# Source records
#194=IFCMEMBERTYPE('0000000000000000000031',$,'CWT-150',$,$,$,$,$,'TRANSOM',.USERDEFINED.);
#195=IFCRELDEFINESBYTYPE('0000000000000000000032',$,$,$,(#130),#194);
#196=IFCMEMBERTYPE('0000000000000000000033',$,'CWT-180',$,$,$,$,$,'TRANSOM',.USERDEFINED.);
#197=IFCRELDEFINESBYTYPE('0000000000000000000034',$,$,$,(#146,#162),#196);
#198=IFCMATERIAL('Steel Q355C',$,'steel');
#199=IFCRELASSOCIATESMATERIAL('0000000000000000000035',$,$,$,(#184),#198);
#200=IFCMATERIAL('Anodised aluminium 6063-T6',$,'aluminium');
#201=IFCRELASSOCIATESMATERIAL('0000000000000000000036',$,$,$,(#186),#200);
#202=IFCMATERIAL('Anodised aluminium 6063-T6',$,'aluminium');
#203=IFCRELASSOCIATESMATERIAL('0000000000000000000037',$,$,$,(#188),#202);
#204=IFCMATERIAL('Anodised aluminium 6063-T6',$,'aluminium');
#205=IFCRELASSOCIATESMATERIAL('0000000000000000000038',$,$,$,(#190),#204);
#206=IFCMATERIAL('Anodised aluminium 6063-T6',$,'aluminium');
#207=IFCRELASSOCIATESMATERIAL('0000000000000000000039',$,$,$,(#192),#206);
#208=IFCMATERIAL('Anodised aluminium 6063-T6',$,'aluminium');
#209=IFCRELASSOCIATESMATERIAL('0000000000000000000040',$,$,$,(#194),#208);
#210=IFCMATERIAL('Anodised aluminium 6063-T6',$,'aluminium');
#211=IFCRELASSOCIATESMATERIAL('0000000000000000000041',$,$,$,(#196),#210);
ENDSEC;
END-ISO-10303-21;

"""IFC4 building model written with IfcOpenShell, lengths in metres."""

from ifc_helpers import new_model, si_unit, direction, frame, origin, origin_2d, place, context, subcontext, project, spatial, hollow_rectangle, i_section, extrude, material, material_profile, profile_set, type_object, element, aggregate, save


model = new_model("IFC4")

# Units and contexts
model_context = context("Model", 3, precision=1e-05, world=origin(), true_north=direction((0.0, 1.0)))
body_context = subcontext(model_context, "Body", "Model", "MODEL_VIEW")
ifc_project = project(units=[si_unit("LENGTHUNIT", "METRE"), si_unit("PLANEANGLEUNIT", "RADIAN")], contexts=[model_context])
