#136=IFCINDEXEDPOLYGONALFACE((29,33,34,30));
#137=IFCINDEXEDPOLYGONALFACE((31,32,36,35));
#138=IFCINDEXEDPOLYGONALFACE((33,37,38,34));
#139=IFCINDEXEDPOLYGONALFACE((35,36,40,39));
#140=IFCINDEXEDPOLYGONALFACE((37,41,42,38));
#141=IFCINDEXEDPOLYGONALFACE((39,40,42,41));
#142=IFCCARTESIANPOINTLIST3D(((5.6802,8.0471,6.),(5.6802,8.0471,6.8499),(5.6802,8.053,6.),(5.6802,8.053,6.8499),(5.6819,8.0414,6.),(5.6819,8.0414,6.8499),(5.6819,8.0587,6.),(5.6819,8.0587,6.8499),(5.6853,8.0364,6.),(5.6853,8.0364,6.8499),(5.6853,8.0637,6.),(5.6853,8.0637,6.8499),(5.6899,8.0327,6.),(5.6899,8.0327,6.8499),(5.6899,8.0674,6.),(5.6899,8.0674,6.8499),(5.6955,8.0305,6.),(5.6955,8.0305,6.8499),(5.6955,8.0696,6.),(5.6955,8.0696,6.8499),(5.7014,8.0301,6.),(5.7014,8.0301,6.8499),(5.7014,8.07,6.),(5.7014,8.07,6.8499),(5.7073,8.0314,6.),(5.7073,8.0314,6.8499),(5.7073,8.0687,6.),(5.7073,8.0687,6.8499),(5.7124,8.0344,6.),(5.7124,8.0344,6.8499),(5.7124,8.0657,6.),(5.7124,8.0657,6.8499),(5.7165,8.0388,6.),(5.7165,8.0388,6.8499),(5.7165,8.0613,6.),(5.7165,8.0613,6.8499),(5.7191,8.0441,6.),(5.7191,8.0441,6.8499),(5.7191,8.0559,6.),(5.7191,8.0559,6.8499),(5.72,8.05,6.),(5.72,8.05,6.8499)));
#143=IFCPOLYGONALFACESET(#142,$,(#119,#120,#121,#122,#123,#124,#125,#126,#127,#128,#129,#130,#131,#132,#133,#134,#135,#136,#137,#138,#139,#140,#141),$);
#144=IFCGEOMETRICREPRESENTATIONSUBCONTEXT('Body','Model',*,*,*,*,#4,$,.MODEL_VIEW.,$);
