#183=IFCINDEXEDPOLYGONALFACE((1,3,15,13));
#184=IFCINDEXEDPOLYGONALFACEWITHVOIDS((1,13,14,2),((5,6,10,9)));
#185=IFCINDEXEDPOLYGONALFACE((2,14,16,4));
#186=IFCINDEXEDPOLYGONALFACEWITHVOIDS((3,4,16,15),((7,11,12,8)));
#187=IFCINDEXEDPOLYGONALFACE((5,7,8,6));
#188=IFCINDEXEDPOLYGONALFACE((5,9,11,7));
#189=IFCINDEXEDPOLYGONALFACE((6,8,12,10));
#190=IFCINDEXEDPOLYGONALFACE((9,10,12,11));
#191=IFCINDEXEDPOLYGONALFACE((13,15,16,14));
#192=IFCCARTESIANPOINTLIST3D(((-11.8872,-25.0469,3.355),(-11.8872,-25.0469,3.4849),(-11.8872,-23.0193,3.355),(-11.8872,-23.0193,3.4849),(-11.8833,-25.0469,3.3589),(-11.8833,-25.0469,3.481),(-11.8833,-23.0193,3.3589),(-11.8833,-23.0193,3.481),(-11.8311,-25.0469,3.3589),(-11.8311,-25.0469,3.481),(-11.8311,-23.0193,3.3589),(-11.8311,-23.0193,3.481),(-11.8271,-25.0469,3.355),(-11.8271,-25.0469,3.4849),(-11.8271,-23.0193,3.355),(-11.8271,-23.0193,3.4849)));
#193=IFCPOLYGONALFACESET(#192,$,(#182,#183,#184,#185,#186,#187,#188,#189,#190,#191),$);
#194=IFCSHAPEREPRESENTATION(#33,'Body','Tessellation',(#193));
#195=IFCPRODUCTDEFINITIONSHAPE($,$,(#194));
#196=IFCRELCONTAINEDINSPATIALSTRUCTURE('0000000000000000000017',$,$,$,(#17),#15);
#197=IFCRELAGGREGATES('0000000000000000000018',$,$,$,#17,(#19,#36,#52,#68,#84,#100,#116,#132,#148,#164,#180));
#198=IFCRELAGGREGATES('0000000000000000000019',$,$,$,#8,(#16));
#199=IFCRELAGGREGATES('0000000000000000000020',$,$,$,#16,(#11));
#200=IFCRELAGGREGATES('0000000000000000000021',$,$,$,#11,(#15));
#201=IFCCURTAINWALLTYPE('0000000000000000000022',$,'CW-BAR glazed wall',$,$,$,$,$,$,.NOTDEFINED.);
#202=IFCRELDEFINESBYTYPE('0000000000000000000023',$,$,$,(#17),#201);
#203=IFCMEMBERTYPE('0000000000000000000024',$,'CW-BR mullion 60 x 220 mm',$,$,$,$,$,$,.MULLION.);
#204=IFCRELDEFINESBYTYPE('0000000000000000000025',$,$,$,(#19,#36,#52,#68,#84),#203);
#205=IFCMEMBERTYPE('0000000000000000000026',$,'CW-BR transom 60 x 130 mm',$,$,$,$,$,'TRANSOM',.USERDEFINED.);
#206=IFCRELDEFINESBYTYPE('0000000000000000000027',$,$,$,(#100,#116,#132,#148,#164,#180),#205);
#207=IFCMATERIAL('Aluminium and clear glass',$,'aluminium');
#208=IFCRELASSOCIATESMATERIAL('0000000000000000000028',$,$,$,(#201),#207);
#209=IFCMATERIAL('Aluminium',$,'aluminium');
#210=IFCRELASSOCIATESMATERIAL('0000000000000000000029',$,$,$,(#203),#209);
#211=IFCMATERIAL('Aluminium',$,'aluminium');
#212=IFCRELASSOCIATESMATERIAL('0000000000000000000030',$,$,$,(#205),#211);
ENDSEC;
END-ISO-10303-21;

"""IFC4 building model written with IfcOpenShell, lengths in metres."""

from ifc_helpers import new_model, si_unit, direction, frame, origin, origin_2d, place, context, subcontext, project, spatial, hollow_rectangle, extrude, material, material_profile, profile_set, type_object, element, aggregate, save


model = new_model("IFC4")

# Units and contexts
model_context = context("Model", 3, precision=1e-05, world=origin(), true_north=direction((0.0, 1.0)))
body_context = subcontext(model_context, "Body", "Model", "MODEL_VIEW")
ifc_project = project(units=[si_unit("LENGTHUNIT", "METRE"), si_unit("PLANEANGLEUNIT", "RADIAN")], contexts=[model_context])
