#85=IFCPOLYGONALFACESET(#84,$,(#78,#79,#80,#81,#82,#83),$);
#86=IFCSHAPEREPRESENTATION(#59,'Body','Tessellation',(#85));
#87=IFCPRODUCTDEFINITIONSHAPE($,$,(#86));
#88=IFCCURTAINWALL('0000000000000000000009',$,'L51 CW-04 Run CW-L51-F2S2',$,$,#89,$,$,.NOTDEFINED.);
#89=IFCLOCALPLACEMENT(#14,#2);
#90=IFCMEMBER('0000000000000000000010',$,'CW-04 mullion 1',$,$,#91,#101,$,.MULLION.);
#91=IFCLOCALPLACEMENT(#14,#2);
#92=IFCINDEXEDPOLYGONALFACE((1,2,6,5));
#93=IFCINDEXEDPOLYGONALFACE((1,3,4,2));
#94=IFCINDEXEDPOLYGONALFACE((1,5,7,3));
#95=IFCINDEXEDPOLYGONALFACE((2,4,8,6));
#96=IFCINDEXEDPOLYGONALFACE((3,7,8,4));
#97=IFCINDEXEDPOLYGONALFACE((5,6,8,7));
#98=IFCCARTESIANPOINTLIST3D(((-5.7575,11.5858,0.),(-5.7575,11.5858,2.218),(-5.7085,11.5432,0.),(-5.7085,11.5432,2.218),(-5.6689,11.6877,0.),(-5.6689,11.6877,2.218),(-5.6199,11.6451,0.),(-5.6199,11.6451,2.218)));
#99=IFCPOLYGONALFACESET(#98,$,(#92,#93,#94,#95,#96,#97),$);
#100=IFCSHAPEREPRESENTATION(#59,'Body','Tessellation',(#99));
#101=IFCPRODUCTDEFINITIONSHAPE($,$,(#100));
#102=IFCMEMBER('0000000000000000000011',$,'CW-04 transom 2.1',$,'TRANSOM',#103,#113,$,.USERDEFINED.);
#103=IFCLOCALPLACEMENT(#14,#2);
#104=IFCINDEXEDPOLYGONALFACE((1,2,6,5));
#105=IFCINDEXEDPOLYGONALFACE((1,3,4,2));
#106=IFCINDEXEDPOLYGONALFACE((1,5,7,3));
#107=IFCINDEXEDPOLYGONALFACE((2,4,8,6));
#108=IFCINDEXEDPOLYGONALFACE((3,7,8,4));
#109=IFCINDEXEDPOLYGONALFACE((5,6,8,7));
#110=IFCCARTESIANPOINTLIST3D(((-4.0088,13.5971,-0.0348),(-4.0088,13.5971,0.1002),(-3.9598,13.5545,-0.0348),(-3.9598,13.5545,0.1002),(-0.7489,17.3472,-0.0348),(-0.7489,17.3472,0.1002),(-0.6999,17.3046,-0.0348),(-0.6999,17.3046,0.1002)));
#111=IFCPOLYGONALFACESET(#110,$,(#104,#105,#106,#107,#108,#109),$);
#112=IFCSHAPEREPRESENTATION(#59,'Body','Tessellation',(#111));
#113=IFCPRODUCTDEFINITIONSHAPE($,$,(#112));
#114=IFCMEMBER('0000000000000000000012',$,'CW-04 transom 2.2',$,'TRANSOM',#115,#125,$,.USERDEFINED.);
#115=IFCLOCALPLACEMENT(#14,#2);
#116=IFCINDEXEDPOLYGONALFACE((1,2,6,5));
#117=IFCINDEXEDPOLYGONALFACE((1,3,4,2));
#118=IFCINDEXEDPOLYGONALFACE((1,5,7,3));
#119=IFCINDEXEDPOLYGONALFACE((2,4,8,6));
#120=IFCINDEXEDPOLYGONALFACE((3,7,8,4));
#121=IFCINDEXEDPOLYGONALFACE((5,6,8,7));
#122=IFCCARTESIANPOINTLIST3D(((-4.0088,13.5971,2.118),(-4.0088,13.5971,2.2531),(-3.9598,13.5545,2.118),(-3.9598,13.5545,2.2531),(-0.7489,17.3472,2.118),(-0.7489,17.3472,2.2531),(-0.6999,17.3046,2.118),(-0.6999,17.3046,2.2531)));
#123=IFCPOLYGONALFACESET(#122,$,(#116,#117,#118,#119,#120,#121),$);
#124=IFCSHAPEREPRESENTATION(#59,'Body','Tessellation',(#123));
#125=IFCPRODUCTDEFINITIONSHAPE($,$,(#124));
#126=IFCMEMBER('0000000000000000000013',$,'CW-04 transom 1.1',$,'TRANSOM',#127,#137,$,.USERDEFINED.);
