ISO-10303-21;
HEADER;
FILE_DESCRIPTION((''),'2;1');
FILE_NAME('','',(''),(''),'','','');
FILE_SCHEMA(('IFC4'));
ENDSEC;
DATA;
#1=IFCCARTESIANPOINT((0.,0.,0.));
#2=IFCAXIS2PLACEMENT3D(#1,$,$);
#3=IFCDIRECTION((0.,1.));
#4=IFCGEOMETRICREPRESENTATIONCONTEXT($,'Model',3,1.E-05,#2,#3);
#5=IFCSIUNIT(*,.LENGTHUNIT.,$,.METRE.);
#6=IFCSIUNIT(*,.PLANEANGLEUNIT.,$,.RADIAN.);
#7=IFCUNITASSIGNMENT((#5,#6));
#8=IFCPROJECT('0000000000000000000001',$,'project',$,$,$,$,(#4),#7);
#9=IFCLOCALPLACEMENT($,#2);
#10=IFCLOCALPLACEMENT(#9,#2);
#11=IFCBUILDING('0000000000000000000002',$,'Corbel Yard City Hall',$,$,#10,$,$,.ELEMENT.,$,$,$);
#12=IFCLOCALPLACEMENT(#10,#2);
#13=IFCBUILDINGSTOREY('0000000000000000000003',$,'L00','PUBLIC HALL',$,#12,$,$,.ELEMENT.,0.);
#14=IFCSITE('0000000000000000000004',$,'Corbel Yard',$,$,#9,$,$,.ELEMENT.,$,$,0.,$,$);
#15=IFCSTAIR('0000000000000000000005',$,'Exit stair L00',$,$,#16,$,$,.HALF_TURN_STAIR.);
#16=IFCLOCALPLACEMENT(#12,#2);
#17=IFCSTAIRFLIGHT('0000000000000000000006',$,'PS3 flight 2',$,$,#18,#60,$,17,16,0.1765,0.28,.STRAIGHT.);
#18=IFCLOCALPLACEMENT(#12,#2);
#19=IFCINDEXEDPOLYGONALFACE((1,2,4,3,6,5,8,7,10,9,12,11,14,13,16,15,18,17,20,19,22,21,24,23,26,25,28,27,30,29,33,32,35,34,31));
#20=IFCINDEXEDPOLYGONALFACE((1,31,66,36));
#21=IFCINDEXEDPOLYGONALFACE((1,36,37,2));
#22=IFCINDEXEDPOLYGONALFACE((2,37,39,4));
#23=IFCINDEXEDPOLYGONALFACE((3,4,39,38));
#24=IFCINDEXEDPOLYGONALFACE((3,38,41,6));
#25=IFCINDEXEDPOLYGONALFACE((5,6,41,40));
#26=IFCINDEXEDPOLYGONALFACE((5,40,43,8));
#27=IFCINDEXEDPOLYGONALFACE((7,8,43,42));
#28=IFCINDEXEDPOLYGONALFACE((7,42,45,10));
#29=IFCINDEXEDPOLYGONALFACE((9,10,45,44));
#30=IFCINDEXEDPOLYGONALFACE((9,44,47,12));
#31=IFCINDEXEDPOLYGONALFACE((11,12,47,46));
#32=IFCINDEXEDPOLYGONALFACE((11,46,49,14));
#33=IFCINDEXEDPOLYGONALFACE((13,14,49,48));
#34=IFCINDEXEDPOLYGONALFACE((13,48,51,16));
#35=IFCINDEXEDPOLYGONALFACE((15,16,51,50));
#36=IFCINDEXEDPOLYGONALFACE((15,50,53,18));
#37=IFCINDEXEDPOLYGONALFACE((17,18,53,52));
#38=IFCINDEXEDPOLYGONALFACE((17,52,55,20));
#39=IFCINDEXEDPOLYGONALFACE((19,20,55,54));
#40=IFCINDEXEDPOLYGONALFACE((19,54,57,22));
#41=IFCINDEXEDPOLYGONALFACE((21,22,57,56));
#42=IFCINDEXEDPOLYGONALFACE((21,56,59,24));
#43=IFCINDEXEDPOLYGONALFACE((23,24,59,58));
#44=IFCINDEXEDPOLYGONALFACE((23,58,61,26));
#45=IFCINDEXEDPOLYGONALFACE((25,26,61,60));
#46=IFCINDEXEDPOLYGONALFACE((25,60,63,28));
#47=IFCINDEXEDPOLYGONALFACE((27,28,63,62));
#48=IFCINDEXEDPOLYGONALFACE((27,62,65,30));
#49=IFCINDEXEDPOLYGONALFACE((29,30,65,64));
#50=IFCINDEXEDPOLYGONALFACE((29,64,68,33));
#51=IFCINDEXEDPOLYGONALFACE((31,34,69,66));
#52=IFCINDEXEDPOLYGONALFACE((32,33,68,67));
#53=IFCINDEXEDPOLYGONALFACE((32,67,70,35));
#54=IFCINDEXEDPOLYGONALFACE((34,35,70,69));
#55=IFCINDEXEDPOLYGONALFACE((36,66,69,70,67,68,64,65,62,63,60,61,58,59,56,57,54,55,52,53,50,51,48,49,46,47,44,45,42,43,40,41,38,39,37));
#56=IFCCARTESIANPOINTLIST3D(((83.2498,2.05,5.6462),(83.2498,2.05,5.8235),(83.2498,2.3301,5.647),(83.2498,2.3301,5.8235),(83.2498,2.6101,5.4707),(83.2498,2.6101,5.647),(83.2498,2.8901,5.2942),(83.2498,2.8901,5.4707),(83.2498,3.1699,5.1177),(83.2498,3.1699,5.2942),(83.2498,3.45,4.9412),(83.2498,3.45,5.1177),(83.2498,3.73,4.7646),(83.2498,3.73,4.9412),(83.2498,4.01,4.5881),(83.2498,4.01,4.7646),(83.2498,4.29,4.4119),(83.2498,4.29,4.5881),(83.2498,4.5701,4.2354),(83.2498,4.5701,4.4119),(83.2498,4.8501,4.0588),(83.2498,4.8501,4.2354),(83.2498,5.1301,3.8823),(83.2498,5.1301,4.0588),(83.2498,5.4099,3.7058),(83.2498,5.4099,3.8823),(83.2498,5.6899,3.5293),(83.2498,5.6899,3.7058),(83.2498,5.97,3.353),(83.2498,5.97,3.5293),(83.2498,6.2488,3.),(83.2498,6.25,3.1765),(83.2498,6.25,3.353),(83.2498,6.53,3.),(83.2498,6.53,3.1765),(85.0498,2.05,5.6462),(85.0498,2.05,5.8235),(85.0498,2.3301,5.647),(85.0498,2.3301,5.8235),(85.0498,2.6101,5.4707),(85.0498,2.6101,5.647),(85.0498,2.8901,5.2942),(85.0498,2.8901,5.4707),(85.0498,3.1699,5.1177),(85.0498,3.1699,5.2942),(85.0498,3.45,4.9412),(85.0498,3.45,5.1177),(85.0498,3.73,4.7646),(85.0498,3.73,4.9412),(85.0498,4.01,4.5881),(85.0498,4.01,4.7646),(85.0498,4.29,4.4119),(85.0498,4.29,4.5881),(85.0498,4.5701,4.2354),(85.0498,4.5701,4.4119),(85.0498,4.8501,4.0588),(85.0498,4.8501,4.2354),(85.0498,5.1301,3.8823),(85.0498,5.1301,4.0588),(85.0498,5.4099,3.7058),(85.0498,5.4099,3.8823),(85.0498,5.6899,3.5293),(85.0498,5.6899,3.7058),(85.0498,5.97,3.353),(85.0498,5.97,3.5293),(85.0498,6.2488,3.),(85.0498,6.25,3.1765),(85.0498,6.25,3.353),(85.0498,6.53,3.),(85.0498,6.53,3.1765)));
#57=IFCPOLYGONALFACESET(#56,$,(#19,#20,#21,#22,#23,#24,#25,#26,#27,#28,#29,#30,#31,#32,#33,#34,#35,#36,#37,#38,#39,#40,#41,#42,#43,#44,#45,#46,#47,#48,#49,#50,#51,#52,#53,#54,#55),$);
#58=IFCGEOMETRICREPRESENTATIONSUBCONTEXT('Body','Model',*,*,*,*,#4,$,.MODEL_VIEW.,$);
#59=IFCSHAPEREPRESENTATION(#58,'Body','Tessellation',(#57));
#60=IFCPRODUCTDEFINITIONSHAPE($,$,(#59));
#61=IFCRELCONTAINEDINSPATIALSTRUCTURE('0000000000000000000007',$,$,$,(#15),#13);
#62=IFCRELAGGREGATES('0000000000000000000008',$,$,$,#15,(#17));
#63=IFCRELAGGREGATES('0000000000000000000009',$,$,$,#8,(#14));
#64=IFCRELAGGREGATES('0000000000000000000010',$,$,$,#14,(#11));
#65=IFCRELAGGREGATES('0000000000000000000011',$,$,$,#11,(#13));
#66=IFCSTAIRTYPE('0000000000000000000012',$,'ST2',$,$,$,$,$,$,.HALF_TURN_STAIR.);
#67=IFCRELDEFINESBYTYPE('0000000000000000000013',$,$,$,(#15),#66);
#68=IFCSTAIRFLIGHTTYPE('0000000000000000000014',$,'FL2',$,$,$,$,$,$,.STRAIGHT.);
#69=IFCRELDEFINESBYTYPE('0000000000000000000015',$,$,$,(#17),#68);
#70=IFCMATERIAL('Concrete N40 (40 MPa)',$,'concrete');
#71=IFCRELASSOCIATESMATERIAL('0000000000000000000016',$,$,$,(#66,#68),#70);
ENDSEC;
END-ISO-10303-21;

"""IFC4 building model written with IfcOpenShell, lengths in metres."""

from ifc_helpers import new_model, si_unit, direction, frame, origin, place, context, subcontext, project, spatial, polyline, outline, extrude, material, type_object, element, aggregate, save


model = new_model("IFC4")

# Units and contexts
model_context = context("Model", 3, precision=1e-05, world=origin(), true_north=direction((0.0, 1.0)))
body_context = subcontext(model_context, "Body", "Model", "MODEL_VIEW")
ifc_project = project(units=[si_unit("LENGTHUNIT", "METRE"), si_unit("PLANEANGLEUNIT", "RADIAN")], contexts=[model_context])

# Site, building, storey
site_placement = place(None, origin())
site = spatial("IfcSite", under=ifc_project, at=site_placement, Name="Corbel Yard", CompositionType="ELEMENT", RefElevation=0.0)
building_placement = place(site_placement, origin())
building = spatial("IfcBuilding", under=site, at=building_placement, Name="Corbel Yard City Hall", CompositionType="ELEMENT")
storey_placement = place(building_placement, origin())
storey = spatial("IfcBuildingStorey", under=building, at=storey_placement, Name="L00", Description="PUBLIC HALL", CompositionType="ELEMENT", Elevation=0.0)

# Shared definitions
ifc_material_1 = material(Name="Concrete N40 (40 MPa)", Category="concrete")

# Stair, stair flight
stair_type = type_object("IfcStairType", Name="ST2", PredefinedType="HALF_TURN_STAIR", material=ifc_material_1)
stair_placement = place(storey_placement, origin())
stair = element("IfcStair", 1, at=stair_placement, inside=storey, type_object=stair_type, Name="Exit stair L00", PredefinedType="HALF_TURN_STAIR")
stair_flight_type = type_object("IfcStairFlightType", Name="FL2", PredefinedType="STRAIGHT", material=ifc_material_1)
stair_flight_placement = place(storey_placement, frame((84.1499, 6.53, 3.0), z_axis=(0.0, 0.0, 1.0), x_axis=(0.0, -1.0, 0.0)))
stair_flight = element("IfcStairFlight", 2, at=stair_flight_placement, type_object=stair_flight_type, Name="PS3 flight 2", NumberOfRisers=17, NumberOfTreads=16, PredefinedType="STRAIGHT", RiserHeight=0.1765, TreadLength=0.28, context=body_context, shape_type="SweptSolid", body=[
    extrude(outline(polyline([(0.0, 0.0), (0.0, 0.1765), (0.28, 0.1765), (0.28, 0.353), (0.5601, 0.353), (0.5601, 0.5293), (0.8401, 0.5293), (0.8401, 0.7058), (1.1201, 0.7058), (1.1201, 0.8823), (1.3999, 0.8823), (1.3999, 1.0588), (1.6799, 1.0588), (1.6799, 1.2354), (1.96, 1.2354), (1.96, 1.4119), (2.24, 1.4119), (2.24, 1.5881), (2.52, 1.5881), (2.52, 1.7646), (2.8, 1.7646), (2.8, 1.9412), (3.0801, 1.9412), (3.0801, 2.1177), (3.3601, 2.1177), (3.3601, 2.2942), (3.6399, 2.2942), (3.6399, 2.4707), (3.9199, 2.4707), (3.9199, 2.647), (4.2, 2.647), (4.2, 2.8235), (4.48, 2.8235), (4.48, 3.0), (4.48, 2.6462), (0.2812, 0.0), (0.0, 0.0)])), frame((0.0, 0.8999, 0.0), z_axis=(0.0, -1.0, 0.0), x_axis=(1.0, 0.0, 0.0)), (0.0, 0.0, 1.0), 1.8),
])
aggregate(stair, [stair_flight])

save(model, "model.ifc")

# What is being asked
Would you print exactly, and only, the lines of the data above from the line with "#2=IFCAXIS2PLACEMENT3D(#1,$,$);" through the line with "#27=IFCINDEXEDPOLYGONALFACE((7,8,43,42));", inclusive?

# Answer space
#2=IFCAXIS2PLACEMENT3D(#1,$,$);
#3=IFCDIRECTION((0.,1.));
#4=IFCGEOMETRICREPRESENTATIONCONTEXT($,'Model',3,1.E-05,#2,#3);
#5=IFCSIUNIT(*,.LENGTHUNIT.,$,.METRE.);
#6=IFCSIUNIT(*,.PLANEANGLEUNIT.,$,.RADIAN.);
#7=IFCUNITASSIGNMENT((#5,#6));
#8=IFCPROJECT('0000000000000000000001',$,'project',$,$,$,$,(#4),#7);
#9=IFCLOCALPLACEMENT($,#2);
#10=IFCLOCALPLACEMENT(#9,#2);
#11=IFCBUILDING('0000000000000000000002',$,'Corbel Yard City Hall',$,$,#10,$,$,.ELEMENT.,$,$,$);
#12=IFCLOCALPLACEMENT(#10,#2);
#13=IFCBUILDINGSTOREY('0000000000000000000003',$,'L00','PUBLIC HALL',$,#12,$,$,.ELEMENT.,0.);
#14=IFCSITE('0000000000000000000004',$,'Corbel Yard',$,$,#9,$,$,.ELEMENT.,$,$,0.,$,$);
#15=IFCSTAIR('0000000000000000000005',$,'Exit stair L00',$,$,#16,$,$,.HALF_TURN_STAIR.);
#16=IFCLOCALPLACEMENT(#12,#2);
#17=IFCSTAIRFLIGHT('0000000000000000000006',$,'PS3 flight 2',$,$,#18,#60,$,17,16,0.1765,0.28,.STRAIGHT.);
#18=IFCLOCALPLACEMENT(#12,#2);
#19=IFCINDEXEDPOLYGONALFACE((1,2,4,3,6,5,8,7,10,9,12,11,14,13,16,15,18,17,20,19,22,21,24,23,26,25,28,27,30,29,33,32,35,34,31));
#20=IFCINDEXEDPOLYGONALFACE((1,31,66,36));
#21=IFCINDEXEDPOLYGONALFACE((1,36,37,2));
#22=IFCINDEXEDPOLYGONALFACE((2,37,39,4));
#23=IFCINDEXEDPOLYGONALFACE((3,4,39,38));
#24=IFCINDEXEDPOLYGONALFACE((3,38,41,6));
#25=IFCINDEXEDPOLYGONALFACE((5,6,41,40));
#26=IFCINDEXEDPOLYGONALFACE((5,40,43,8));
#27=IFCINDEXEDPOLYGONALFACE((7,8,43,42));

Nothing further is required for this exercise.